┌──
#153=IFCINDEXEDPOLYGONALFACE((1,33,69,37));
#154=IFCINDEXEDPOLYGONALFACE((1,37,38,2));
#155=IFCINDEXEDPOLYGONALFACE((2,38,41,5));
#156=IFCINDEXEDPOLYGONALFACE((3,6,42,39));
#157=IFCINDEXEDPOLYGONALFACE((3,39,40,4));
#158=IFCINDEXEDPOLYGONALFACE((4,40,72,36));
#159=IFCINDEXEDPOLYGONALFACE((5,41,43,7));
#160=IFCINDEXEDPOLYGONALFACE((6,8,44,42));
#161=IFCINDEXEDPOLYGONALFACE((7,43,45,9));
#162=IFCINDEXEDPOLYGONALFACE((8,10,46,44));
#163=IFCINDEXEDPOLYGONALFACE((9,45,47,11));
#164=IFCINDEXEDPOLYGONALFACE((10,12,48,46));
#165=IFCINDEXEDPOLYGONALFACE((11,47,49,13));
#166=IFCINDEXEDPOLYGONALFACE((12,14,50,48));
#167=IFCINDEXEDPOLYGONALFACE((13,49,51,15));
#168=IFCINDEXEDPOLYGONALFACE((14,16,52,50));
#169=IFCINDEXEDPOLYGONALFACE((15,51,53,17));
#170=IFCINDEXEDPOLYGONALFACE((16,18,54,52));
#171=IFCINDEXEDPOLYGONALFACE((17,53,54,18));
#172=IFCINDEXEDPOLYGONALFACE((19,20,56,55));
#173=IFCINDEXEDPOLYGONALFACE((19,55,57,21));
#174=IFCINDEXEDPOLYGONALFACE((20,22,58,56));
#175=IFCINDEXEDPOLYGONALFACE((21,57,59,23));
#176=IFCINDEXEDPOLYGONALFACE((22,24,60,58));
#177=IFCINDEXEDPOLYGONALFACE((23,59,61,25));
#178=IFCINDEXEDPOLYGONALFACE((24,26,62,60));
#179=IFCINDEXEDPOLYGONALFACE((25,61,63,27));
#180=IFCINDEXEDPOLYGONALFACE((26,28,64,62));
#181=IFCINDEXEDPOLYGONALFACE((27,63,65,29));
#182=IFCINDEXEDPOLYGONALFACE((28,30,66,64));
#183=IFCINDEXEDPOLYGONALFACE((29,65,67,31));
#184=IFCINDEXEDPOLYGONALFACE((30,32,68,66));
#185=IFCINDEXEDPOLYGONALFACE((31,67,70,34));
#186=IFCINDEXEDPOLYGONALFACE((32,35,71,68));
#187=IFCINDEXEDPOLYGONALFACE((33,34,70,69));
└──
┌──
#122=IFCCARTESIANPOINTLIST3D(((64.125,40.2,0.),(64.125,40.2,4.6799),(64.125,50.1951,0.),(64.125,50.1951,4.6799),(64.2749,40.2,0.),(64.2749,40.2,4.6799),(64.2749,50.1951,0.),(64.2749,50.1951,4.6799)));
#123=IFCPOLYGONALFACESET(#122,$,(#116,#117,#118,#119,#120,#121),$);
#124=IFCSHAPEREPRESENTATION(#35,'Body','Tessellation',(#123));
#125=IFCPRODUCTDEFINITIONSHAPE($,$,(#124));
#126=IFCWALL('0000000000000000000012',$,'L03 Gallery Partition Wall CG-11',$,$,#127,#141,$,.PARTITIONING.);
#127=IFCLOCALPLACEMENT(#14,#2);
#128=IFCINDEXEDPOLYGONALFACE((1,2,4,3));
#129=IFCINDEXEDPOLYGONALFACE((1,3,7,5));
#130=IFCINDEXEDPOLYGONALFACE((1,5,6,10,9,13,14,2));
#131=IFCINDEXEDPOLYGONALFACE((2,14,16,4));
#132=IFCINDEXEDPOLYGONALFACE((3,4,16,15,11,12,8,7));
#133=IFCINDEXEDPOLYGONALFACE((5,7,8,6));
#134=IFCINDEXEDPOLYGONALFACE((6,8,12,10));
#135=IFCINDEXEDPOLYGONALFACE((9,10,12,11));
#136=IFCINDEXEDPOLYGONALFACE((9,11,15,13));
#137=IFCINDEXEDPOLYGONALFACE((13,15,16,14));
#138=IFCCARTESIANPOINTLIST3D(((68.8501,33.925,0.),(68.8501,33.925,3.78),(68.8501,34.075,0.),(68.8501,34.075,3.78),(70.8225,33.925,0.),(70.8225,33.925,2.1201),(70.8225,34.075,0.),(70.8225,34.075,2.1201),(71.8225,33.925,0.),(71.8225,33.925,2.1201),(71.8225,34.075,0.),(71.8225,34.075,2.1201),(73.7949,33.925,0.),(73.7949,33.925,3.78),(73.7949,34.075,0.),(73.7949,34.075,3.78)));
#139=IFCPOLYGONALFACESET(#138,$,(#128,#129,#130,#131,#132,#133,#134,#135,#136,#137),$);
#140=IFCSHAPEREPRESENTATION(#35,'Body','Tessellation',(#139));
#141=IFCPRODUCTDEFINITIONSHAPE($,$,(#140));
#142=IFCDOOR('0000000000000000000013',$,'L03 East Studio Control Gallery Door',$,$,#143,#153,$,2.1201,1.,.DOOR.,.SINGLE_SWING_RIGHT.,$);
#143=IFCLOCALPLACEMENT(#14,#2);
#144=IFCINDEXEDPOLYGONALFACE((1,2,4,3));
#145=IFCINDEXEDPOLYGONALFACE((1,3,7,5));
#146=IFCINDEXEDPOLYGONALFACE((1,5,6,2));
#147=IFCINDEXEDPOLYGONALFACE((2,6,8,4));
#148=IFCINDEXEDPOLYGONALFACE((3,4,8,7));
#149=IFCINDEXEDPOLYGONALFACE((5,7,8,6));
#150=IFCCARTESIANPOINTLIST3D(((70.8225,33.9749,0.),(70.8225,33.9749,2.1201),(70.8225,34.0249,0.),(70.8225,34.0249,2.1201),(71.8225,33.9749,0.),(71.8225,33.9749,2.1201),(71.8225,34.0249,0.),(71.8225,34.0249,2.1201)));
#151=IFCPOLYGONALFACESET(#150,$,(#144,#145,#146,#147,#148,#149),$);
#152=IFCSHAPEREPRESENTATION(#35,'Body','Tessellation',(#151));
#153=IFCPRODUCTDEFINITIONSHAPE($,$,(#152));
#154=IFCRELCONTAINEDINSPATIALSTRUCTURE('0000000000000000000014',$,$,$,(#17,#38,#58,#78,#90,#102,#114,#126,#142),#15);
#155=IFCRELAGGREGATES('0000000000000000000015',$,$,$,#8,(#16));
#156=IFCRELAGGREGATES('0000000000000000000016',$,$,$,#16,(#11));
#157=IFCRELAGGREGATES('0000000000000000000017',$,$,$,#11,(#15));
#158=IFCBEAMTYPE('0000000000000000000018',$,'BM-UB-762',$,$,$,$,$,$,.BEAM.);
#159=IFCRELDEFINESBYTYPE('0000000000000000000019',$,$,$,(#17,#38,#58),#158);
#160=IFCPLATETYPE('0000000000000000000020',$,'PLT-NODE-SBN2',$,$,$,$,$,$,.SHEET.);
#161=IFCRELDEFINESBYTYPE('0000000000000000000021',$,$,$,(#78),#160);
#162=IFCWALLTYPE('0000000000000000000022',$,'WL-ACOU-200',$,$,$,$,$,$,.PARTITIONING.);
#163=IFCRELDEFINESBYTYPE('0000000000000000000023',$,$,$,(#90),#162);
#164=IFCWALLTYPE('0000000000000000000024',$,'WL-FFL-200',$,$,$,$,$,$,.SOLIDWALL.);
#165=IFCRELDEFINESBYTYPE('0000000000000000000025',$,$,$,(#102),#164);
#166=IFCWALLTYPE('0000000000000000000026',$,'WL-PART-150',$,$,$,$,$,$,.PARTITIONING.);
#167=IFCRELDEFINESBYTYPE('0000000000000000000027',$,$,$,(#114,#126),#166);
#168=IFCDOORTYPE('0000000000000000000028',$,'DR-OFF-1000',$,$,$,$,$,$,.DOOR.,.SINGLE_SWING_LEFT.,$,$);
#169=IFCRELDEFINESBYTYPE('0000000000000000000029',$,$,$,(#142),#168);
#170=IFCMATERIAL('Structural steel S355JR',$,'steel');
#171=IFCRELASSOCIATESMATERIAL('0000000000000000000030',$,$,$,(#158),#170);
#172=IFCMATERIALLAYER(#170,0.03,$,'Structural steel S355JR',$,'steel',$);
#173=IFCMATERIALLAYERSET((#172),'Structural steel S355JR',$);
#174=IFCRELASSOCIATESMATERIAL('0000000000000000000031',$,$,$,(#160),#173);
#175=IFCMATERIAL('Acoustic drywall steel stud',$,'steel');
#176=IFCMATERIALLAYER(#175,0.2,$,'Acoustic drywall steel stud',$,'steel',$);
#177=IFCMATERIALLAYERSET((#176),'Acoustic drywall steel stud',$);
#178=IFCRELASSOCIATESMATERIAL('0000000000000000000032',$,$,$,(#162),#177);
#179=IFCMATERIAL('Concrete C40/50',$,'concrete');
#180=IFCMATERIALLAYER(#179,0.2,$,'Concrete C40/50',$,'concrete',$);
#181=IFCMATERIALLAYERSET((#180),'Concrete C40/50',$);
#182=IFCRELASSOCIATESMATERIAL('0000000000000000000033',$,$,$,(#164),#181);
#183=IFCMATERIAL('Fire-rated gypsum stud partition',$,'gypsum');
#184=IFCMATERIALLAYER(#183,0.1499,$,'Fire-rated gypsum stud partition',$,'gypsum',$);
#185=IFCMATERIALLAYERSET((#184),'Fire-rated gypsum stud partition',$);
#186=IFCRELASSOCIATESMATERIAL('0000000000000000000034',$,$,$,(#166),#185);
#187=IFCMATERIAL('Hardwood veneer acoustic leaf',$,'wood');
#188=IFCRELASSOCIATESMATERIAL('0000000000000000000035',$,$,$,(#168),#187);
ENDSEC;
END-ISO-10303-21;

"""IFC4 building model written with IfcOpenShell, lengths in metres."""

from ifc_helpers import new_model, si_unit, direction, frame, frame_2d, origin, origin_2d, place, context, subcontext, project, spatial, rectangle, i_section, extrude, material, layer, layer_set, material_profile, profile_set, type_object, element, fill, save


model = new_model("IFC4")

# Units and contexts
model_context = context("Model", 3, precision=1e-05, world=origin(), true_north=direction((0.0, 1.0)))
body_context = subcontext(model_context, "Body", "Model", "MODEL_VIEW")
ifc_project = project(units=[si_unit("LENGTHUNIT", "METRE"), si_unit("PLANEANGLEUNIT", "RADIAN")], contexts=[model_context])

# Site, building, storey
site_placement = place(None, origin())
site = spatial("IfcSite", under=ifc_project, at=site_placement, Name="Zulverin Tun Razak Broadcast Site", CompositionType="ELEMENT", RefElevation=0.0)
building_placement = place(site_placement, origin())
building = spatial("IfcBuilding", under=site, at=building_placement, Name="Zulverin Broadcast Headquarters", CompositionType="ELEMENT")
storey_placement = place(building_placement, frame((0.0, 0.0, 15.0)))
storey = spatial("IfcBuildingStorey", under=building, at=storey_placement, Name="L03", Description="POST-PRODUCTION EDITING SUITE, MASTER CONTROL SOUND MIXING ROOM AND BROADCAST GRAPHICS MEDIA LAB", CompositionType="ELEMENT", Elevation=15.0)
└──
-- Exercise objective --
Write down exactly the span of lines above from the one containing "#127=IFCLOCALPLACEMENT(#14,#2);" to the one containing "#137=IFCINDEXEDPOLYGONALFACE((13,15,16,14));", both ends included.

-- Response for this exercise --
#127=IFCLOCALPLACEMENT(#14,#2);
#128=IFCINDEXEDPOLYGONALFACE((1,2,4,3));
#129=IFCINDEXEDPOLYGONALFACE((1,3,7,5));
#130=IFCINDEXEDPOLYGONALFACE((1,5,6,10,9,13,14,2));
#131=IFCINDEXEDPOLYGONALFACE((2,14,16,4));
#132=IFCINDEXEDPOLYGONALFACE((3,4,16,15,11,12,8,7));
#133=IFCINDEXEDPOLYGONALFACE((5,7,8,6));
#134=IFCINDEXEDPOLYGONALFACE((6,8,12,10));
#135=IFCINDEXEDPOLYGONALFACE((9,10,12,11));
#136=IFCINDEXEDPOLYGONALFACE((9,11,15,13));
#137=IFCINDEXEDPOLYGONALFACE((13,15,16,14));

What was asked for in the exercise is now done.